WORK INSTRUCTIONS: Copy every line from the records below that carries the word "IFCINDEXEDPOLYGONALFACE".
*****
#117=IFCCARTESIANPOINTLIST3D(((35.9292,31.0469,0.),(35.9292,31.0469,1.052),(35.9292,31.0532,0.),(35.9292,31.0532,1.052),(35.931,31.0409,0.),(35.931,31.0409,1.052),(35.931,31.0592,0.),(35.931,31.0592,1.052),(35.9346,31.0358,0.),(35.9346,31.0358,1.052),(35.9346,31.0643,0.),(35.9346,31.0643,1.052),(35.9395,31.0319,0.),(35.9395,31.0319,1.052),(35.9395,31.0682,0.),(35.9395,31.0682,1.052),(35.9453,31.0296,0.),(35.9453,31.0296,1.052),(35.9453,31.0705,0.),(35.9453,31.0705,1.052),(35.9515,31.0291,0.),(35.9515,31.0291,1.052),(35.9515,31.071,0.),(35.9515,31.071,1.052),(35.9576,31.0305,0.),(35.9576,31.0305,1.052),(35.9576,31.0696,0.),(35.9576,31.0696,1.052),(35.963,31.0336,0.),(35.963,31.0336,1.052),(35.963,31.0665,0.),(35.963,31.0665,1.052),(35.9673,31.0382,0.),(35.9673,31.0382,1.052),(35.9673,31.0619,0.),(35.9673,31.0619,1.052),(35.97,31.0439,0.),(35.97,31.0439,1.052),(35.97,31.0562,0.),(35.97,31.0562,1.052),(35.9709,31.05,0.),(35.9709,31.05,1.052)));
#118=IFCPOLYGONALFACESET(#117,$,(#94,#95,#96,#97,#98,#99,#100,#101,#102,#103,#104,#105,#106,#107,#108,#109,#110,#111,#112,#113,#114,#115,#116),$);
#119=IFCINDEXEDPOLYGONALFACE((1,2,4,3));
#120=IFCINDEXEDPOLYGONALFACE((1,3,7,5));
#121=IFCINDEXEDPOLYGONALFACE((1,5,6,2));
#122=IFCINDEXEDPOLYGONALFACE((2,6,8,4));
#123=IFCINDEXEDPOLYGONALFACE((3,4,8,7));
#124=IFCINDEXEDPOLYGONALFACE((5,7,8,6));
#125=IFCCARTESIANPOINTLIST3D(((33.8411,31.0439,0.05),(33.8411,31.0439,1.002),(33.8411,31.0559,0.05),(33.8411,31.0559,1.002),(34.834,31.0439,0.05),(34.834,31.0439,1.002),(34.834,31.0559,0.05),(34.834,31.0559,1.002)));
*****
RESULT OF THE TASK:
#119=IFCINDEXEDPOLYGONALFACE((1,2,4,3));
#120=IFCINDEXEDPOLYGONALFACE((1,3,7,5));
#121=IFCINDEXEDPOLYGONALFACE((1,5,6,2));
#122=IFCINDEXEDPOLYGONALFACE((2,6,8,4));
#123=IFCINDEXEDPOLYGONALFACE((3,4,8,7));
#124=IFCINDEXEDPOLYGONALFACE((5,7,8,6));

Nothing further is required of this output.